* [WORK INSTRUCTIONS] Each line of the data that includes "IFCPRODUCTDEFINITIONSHAPE" must be copied.

╭──

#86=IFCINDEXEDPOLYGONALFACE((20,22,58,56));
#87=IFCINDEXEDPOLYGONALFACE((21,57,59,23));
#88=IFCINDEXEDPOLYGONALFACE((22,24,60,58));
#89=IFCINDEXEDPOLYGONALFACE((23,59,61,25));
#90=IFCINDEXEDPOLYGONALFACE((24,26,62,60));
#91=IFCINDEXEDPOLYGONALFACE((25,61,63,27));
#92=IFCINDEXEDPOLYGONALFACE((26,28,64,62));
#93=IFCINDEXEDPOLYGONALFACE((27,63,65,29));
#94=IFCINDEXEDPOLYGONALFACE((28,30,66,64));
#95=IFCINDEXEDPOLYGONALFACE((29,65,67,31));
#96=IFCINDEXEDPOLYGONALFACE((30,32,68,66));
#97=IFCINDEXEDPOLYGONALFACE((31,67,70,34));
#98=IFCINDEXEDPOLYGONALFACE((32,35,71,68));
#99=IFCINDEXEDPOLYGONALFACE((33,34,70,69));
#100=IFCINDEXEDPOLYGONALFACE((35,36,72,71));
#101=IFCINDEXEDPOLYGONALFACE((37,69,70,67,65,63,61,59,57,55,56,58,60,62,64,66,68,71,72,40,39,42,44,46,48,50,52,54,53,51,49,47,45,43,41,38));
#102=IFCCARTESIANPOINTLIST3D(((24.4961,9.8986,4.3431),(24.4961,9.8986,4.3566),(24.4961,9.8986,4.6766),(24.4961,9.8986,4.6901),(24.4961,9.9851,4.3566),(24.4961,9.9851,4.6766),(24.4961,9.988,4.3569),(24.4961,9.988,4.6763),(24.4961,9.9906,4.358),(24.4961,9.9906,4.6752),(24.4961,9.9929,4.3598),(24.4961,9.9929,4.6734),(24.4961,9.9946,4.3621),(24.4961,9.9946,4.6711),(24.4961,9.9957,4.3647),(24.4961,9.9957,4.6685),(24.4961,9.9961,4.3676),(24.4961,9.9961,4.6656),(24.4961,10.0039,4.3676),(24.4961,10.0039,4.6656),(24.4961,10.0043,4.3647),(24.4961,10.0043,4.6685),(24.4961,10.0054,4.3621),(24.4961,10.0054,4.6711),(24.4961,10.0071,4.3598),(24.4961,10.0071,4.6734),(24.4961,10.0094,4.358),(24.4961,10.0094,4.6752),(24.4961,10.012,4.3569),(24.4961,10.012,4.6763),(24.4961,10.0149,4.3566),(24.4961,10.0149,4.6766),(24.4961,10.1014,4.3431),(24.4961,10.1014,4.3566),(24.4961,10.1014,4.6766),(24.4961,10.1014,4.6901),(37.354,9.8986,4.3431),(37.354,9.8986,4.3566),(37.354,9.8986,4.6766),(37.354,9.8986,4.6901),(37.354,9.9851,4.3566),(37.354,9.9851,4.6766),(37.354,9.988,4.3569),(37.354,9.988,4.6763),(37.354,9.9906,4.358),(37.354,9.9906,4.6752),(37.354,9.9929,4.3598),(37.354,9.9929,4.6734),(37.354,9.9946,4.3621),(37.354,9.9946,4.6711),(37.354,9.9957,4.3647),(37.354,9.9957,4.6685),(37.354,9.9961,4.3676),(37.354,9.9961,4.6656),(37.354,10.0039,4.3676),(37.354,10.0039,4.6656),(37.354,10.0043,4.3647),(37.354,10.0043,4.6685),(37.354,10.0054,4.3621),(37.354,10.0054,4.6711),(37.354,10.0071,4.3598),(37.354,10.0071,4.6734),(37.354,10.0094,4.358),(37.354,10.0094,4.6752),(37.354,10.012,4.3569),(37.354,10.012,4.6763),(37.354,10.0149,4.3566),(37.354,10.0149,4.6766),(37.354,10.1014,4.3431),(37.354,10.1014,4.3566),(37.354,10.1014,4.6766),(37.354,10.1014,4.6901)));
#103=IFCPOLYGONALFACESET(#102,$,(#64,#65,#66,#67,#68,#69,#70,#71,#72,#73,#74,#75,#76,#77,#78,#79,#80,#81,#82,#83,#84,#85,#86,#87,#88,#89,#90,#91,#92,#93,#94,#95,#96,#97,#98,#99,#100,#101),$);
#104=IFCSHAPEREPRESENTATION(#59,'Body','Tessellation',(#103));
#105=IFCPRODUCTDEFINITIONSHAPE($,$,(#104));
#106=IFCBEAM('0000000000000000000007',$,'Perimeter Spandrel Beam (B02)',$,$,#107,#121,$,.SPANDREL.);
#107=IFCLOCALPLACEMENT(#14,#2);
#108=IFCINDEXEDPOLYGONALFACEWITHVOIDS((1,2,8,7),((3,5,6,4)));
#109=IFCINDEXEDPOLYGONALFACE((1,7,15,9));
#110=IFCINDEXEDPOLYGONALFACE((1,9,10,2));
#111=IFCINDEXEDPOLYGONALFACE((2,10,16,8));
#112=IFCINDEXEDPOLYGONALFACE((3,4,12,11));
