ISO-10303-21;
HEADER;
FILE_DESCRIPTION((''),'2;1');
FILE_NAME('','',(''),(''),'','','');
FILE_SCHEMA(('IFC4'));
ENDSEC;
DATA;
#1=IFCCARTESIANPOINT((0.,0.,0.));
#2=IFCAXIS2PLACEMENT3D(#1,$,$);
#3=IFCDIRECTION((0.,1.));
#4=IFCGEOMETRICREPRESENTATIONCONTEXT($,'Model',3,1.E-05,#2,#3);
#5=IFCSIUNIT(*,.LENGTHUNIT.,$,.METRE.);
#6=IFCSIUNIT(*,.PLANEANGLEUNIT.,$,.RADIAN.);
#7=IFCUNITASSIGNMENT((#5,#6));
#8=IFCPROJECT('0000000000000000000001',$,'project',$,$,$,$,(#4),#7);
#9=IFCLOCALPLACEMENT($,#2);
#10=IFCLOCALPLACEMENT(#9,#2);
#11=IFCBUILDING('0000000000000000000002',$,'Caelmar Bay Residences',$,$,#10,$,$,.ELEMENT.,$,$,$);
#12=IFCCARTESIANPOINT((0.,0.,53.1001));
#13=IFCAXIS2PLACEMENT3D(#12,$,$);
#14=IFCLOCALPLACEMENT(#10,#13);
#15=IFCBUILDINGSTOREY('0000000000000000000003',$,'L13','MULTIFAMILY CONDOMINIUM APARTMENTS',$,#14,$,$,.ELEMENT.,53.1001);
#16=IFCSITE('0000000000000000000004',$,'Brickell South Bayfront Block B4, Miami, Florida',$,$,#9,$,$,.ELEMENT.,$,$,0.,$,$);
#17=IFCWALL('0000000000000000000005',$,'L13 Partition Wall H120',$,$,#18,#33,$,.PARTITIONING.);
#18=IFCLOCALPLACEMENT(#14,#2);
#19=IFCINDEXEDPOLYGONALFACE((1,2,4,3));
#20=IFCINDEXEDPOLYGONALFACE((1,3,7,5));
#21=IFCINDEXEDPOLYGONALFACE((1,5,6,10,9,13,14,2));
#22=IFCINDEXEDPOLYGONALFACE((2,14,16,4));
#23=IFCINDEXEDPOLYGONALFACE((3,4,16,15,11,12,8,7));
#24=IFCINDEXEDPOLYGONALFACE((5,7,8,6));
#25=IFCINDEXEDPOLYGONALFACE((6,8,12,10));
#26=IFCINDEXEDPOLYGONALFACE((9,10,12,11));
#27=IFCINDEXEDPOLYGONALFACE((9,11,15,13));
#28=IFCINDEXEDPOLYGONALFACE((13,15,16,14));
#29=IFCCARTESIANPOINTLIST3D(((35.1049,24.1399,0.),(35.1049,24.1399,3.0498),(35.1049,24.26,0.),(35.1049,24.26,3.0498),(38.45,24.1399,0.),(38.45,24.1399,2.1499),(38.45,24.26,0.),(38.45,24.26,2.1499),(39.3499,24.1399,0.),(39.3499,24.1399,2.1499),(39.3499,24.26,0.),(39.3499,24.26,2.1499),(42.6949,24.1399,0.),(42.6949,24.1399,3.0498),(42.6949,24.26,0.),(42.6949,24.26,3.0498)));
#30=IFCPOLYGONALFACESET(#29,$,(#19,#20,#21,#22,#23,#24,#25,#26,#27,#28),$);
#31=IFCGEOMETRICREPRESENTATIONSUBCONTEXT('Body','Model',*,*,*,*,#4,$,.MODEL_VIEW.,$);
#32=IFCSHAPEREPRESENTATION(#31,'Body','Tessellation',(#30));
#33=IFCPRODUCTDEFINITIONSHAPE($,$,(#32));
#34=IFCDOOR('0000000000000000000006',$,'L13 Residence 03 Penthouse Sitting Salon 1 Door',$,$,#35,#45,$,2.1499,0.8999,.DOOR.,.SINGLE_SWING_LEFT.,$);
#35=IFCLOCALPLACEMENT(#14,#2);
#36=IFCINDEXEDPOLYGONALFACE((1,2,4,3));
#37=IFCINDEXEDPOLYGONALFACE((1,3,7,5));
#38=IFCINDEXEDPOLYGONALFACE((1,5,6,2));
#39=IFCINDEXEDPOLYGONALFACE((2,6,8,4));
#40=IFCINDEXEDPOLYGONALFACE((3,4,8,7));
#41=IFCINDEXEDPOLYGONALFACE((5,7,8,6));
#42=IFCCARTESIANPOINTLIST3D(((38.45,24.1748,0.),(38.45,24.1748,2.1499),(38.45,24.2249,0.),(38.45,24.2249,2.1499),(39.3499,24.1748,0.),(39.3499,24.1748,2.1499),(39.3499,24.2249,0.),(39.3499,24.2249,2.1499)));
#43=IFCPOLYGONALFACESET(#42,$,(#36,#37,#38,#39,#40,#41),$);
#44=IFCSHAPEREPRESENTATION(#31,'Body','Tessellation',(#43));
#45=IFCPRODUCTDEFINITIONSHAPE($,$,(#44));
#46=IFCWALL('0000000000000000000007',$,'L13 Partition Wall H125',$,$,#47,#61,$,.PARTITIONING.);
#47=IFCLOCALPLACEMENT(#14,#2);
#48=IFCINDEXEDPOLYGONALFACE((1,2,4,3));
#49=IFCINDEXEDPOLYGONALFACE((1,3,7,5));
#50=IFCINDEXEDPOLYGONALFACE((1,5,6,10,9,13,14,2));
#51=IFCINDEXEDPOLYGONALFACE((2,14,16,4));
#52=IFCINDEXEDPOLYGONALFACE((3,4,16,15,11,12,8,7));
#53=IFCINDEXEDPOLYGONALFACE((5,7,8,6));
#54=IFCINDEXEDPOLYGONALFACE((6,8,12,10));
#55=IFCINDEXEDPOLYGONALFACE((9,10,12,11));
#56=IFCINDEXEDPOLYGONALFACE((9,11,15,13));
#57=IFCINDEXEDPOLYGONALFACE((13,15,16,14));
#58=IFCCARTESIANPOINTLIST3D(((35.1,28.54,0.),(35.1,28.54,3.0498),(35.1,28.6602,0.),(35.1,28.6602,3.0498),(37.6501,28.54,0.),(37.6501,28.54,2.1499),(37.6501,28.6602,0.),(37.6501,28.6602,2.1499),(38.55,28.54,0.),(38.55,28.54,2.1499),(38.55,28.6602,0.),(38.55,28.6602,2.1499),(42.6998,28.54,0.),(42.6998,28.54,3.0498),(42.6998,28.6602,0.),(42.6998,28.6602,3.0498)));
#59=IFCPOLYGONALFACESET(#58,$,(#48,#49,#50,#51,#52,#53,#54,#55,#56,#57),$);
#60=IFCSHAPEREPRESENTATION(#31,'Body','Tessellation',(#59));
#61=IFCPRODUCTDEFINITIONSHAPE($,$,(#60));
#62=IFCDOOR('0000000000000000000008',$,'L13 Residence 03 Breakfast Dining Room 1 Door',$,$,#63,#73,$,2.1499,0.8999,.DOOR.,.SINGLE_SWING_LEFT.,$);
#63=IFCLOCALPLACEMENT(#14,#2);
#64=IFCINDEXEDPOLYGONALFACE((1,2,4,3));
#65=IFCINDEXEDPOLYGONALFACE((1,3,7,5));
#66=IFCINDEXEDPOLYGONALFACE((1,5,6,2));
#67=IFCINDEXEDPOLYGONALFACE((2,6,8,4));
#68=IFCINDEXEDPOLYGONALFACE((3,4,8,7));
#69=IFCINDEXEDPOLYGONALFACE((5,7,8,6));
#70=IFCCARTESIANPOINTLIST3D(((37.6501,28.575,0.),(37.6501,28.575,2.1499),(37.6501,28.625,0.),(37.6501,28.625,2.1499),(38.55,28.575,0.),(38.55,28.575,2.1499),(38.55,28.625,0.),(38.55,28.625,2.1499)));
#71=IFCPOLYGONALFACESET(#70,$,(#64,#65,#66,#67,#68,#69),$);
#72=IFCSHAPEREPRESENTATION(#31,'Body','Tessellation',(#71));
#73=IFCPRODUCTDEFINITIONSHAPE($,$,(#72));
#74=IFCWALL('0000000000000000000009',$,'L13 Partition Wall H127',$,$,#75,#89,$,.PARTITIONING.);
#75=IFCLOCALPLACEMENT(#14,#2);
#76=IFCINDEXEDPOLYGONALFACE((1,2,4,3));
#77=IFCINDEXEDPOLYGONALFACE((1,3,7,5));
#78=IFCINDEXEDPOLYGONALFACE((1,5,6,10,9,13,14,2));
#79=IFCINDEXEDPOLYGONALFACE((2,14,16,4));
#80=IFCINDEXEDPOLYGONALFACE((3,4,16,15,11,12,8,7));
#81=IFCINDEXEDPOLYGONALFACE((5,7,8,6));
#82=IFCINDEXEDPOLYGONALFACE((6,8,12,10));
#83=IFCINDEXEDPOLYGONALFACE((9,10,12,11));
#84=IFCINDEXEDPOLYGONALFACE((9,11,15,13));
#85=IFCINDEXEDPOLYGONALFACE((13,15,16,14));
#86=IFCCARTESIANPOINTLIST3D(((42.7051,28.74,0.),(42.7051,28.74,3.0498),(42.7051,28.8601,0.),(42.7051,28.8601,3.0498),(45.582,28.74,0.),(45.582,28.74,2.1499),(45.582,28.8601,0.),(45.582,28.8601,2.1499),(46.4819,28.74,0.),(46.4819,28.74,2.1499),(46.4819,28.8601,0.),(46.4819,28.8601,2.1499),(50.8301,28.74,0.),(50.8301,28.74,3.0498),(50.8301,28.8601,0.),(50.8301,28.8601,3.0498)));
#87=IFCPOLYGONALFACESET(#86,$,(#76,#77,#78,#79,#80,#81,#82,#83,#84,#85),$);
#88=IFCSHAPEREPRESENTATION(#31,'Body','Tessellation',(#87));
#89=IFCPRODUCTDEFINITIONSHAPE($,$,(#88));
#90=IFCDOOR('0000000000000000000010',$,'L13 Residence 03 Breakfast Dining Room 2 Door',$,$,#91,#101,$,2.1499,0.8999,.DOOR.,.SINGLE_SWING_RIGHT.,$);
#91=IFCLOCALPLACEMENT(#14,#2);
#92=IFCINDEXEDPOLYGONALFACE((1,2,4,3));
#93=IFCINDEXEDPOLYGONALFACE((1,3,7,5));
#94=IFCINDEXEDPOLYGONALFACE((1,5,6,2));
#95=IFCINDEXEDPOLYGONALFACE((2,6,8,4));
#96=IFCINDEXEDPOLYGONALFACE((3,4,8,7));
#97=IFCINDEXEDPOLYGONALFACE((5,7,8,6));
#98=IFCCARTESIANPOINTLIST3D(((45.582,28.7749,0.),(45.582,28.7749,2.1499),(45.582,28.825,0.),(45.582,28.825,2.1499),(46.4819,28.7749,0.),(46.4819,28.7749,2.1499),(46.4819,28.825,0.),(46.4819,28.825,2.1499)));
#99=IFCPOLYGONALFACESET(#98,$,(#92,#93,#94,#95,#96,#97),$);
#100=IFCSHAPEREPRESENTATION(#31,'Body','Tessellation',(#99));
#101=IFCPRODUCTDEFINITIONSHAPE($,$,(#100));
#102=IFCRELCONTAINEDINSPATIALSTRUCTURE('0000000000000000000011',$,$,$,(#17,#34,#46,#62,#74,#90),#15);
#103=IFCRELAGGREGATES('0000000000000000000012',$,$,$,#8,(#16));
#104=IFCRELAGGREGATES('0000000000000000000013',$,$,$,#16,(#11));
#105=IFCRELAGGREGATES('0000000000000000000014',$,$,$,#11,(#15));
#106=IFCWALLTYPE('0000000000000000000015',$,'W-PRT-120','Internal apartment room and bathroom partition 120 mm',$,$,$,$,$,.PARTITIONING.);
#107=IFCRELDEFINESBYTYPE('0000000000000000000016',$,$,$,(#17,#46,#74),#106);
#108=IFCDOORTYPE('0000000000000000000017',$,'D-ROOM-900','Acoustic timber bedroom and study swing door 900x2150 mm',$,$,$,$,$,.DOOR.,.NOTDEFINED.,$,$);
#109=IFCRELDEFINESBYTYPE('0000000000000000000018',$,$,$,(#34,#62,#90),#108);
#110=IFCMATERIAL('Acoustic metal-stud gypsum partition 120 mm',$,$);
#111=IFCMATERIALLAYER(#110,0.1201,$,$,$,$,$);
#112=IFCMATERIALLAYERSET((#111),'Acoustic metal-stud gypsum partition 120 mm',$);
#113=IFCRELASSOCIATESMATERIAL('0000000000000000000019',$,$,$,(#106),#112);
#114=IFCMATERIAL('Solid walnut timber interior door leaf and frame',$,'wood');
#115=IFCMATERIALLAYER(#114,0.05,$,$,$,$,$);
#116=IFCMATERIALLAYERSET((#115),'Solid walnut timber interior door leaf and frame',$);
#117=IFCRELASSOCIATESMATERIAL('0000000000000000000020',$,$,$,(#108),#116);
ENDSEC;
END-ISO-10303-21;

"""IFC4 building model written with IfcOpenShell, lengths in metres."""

from ifc_helpers import new_model, si_unit, direction, frame, frame_2d, origin, place, context, subcontext, project, spatial, rectangle, extrude, material, layer, layer_set, type_object, element, fill, save


model = new_model("IFC4")

# Units and contexts
model_context = context("Model", 3, precision=1e-05, world=origin(), true_north=direction((0.0, 1.0)))
body_context = subcontext(model_context, "Body", "Model", "MODEL_VIEW")
ifc_project = project(units=[si_unit("LENGTHUNIT", "METRE"), si_unit("PLANEANGLEUNIT", "RADIAN")], contexts=[model_context])

# Site, building, storey
site_placement = place(None, origin())
site = spatial("IfcSite", under=ifc_project, at=site_placement, Name="Brickell South Bayfront Block B4, Miami, Florida", CompositionType="ELEMENT", RefElevation=0.0)
building_placement = place(site_placement, origin())
building = spatial("IfcBuilding", under=site, at=building_placement, Name="Caelmar Bay Residences", CompositionType="ELEMENT")
storey_placement = place(building_placement, frame((0.0, 0.0, 53.1001)))
storey = spatial("IfcBuildingStorey", under=building, at=storey_placement, Name="L13", Description="MULTIFAMILY CONDOMINIUM APARTMENTS", CompositionType="ELEMENT", Elevation=53.1001)

# Shared definitions
ifc_material_1 = material(Name="Acoustic metal-stud gypsum partition 120 mm")
ifc_layer_1 = layer(ifc_material_1, 0.1201)
ifc_layer_set_1 = layer_set([ifc_layer_1], Name="Acoustic metal-stud gypsum partition 120 mm")
wall_type = type_object("IfcWallType", Name="W-PRT-120", Description="Internal apartment room and bathroom partition 120 mm", PredefinedType="PARTITIONING", material=ifc_layer_set_1)

# Shared definitions
ifc_material_2 = material(Name="Solid walnut timber interior door leaf and frame", Category="wood")
ifc_layer_2 = layer(ifc_material_2, 0.05)
ifc_layer_set_2 = layer_set([ifc_layer_2], Name="Solid walnut timber interior door leaf and frame")
door_type = type_object("IfcDoorType", Name="D-ROOM-900", Description="Acoustic timber bedroom and study swing door 900x2150 mm", OperationType="NOTDEFINED", PredefinedType="DOOR", material=ifc_layer_set_2)

# Walls, openings, doors
wall_1_placement = place(storey_placement, frame((35.105, 24.2, 0.0), z_axis=(0.0, 0.0, 1.0), x_axis=(1.0, 0.0, 0.0)))
wall_1 = element("IfcWall", 1, at=wall_1_placement, inside=storey, type_object=wall_type, Name="L13 Partition Wall H120", PredefinedType="PARTITIONING", context=body_context, shape_type="SweptSolid", body=[
    extrude(rectangle(XDim=7.5901, YDim=0.1201, at=frame_2d((3.7949, 0.0))), origin(), (0.0, 0.0, 1.0), 3.0498),
])
opening_1_placement = place(wall_1_placement, frame((3.345, 0.0, 0.0)))
opening_1 = element("IfcOpeningElement", 2, at=opening_1_placement, cuts=wall_1, PredefinedType="OPENING", context=body_context, shape_type="SweptSolid", body=[
    extrude(rectangle(XDim=0.8999, YDim=2.1499, at=frame_2d((0.45, 1.075))), frame((0.0, 0.0701, 0.0), z_axis=(0.0, -1.0, 0.0), x_axis=(1.0, 0.0, 0.0)), (0.0, 0.0, 1.0), 0.1401),
])
door_1_placement = place(opening_1_placement, origin())
door_1 = element("IfcDoor", 3, at=door_1_placement, inside=storey, type_object=door_type, Name="L13 Residence 03 Penthouse Sitting Salon 1 Door", OperationType="SINGLE_SWING_LEFT", OverallHeight=2.1499, OverallWidth=0.8999, PredefinedType="DOOR", context=body_context, shape_type="SweptSolid", body=[
    extrude(rectangle(XDim=0.8999, YDim=2.1499, at=frame_2d((0.45, 1.075))), frame((0.0, 0.0249, 0.0), z_axis=(0.0, -1.0, 0.0), x_axis=(1.0, 0.0, 0.0)), (0.0, 0.0, 1.0), 0.05),
])
fill(opening_1, door_1)
wall_2_placement = place(storey_placement, frame((35.1001, 28.6001, 0.0), z_axis=(0.0, 0.0, 1.0), x_axis=(1.0, 0.0, 0.0)))
wall_2 = element("IfcWall", 4, at=wall_2_placement, inside=storey, type_object=wall_type, Name="L13 Partition Wall H125", PredefinedType="PARTITIONING", context=body_context, shape_type="SweptSolid", body=[
    extrude(rectangle(XDim=7.5999, YDim=0.1201, at=frame_2d((3.7998, 0.0))), origin(), (0.0, 0.0, 1.0), 3.0498),
])
opening_2_placement = place(wall_2_placement, frame((2.55, 0.0, 0.0)))
opening_2 = element("IfcOpeningElement", 5, at=opening_2_placement, cuts=wall_2, PredefinedType="OPENING", context=body_context, shape_type="SweptSolid", body=[
    extrude(rectangle(XDim=0.8999, YDim=2.1499, at=frame_2d((0.45, 1.075))), frame((0.0, 0.0701, 0.0), z_axis=(0.0, -1.0, 0.0), x_axis=(1.0, 0.0, 0.0)), (0.0, 0.0, 1.0), 0.1401),
])
door_2_placement = place(opening_2_placement, origin())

╰──

* [RESPONSE TO THIS TASK]
#105=IFCPRODUCTDEFINITIONSHAPE($,$,(#104));
#33=IFCPRODUCTDEFINITIONSHAPE($,$,(#32));
#45=IFCPRODUCTDEFINITIONSHAPE($,$,(#44));
#61=IFCPRODUCTDEFINITIONSHAPE($,$,(#60));
#73=IFCPRODUCTDEFINITIONSHAPE($,$,(#72));
#89=IFCPRODUCTDEFINITIONSHAPE($,$,(#88));
#101=IFCPRODUCTDEFINITIONSHAPE($,$,(#100));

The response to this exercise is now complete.